[[ EXTRACTED RECORDS open ]]

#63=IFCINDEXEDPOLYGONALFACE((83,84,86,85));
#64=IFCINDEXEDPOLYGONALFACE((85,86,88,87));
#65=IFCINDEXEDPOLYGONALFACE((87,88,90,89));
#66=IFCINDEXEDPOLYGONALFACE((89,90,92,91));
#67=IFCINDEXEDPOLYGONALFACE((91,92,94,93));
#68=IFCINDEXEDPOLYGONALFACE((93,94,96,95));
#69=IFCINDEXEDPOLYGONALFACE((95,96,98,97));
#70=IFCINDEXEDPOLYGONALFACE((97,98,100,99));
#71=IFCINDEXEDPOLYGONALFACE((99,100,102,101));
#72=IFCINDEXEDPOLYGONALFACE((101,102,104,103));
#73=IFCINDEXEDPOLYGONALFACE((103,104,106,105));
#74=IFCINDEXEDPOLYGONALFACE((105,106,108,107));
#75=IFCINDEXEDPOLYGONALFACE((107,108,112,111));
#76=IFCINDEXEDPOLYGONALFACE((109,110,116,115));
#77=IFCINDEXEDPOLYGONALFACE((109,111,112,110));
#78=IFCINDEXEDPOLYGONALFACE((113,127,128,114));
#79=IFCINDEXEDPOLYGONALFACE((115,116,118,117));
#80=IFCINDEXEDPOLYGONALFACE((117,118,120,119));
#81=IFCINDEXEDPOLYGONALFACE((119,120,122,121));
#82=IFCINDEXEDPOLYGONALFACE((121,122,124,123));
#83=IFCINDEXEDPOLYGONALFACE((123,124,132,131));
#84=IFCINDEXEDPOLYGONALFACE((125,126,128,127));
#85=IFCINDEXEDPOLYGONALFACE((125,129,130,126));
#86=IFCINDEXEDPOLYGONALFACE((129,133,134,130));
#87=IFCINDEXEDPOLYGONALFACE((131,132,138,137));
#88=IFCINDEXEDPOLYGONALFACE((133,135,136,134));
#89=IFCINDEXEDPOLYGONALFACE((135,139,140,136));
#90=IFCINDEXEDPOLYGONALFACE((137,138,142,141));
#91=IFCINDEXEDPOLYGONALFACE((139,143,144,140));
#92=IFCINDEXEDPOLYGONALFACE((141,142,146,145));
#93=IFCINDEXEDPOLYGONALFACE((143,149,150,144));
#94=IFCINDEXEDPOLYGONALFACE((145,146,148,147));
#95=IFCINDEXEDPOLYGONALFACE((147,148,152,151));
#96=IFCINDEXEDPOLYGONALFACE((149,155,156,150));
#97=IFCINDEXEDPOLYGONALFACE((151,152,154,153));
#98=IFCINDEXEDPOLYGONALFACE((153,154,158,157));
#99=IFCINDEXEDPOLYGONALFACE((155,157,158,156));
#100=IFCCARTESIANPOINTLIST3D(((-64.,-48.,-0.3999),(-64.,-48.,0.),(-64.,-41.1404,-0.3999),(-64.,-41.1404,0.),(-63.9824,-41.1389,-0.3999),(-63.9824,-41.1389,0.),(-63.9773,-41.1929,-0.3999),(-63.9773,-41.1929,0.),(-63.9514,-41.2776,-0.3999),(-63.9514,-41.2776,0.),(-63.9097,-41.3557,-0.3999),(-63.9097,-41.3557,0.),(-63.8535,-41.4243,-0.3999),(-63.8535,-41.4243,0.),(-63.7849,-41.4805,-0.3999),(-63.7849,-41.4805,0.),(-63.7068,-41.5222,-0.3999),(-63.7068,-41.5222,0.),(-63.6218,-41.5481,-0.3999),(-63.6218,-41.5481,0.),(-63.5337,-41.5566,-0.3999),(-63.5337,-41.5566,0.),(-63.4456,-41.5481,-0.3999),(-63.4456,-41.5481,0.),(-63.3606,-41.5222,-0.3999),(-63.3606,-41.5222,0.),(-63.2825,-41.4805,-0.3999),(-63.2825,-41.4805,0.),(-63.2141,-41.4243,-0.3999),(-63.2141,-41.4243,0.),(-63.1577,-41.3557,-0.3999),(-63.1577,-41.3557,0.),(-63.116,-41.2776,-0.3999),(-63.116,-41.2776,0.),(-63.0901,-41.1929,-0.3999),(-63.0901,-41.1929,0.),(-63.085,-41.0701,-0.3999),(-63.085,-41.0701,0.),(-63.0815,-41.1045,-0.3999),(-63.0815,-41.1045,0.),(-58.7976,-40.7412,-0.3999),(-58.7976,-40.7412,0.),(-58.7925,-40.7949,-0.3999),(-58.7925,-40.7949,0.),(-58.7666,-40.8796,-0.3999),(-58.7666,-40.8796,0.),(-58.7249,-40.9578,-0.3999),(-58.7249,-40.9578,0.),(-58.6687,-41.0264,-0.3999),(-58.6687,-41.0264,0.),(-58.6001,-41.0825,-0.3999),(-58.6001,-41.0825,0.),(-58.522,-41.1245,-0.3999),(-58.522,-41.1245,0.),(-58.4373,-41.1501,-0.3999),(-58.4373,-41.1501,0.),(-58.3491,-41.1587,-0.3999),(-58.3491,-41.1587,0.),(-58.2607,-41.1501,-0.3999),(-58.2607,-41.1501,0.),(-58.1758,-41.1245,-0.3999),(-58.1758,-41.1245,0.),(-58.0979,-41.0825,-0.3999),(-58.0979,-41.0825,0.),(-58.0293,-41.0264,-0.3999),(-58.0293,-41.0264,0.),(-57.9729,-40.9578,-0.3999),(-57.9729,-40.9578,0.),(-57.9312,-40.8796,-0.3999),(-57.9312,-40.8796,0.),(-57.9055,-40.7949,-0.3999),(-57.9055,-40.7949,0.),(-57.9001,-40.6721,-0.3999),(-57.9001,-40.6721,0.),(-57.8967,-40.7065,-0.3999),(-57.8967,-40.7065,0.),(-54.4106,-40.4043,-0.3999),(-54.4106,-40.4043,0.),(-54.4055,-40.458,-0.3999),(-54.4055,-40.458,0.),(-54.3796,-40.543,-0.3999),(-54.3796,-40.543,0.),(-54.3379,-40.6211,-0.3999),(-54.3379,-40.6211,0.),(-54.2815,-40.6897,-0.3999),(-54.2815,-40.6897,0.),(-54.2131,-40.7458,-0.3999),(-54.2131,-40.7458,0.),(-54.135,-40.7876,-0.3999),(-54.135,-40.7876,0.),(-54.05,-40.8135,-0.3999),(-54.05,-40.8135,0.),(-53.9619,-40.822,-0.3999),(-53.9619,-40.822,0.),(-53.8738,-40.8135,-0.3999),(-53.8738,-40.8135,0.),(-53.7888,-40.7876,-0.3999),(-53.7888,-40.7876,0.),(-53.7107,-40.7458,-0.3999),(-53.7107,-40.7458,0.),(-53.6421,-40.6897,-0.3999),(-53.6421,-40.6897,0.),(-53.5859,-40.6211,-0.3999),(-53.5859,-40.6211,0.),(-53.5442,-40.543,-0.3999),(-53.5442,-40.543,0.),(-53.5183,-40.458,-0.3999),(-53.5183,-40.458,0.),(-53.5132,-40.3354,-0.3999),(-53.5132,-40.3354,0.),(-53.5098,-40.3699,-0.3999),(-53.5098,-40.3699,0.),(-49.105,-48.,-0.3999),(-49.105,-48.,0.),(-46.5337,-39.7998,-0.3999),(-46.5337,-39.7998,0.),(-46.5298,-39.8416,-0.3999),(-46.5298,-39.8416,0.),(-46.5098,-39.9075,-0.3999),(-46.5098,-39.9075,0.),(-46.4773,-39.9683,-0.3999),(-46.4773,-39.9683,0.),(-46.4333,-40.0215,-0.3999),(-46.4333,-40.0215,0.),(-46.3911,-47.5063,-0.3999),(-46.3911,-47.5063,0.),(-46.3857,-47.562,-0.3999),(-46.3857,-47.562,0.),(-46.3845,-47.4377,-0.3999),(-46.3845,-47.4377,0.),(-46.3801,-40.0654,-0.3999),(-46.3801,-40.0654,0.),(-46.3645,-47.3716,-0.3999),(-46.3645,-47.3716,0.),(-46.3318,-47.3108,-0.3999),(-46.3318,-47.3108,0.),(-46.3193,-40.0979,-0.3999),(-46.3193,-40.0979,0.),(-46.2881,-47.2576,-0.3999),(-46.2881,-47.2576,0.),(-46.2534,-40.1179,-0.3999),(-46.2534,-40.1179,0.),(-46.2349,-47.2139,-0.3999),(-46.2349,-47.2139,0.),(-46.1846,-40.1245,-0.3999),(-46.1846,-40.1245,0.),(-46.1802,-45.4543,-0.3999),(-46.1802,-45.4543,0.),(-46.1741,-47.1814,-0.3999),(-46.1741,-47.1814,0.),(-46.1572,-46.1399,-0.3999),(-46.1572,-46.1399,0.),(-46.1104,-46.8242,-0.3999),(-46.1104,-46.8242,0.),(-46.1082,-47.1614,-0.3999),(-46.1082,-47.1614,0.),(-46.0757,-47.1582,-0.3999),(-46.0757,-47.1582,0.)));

[[ EXTRACTED RECORDS closed ]]

• **EXERCISE GOAL**: Could you set down, exactly as written, the lines above between the one holding "#95=IFCINDEXEDPOLYGONALFACE((147,148,152,151));" and the one holding "#99=IFCINDEXEDPOLYGONALFACE((155,157,158,156));", inclusive, and nothing more?

• **SOLUTION BELOW**:
#95=IFCINDEXEDPOLYGONALFACE((147,148,152,151));
#96=IFCINDEXEDPOLYGONALFACE((149,155,156,150));
#97=IFCINDEXEDPOLYGONALFACE((151,152,154,153));
#98=IFCINDEXEDPOLYGONALFACE((153,154,158,157));
#99=IFCINDEXEDPOLYGONALFACE((155,157,158,156));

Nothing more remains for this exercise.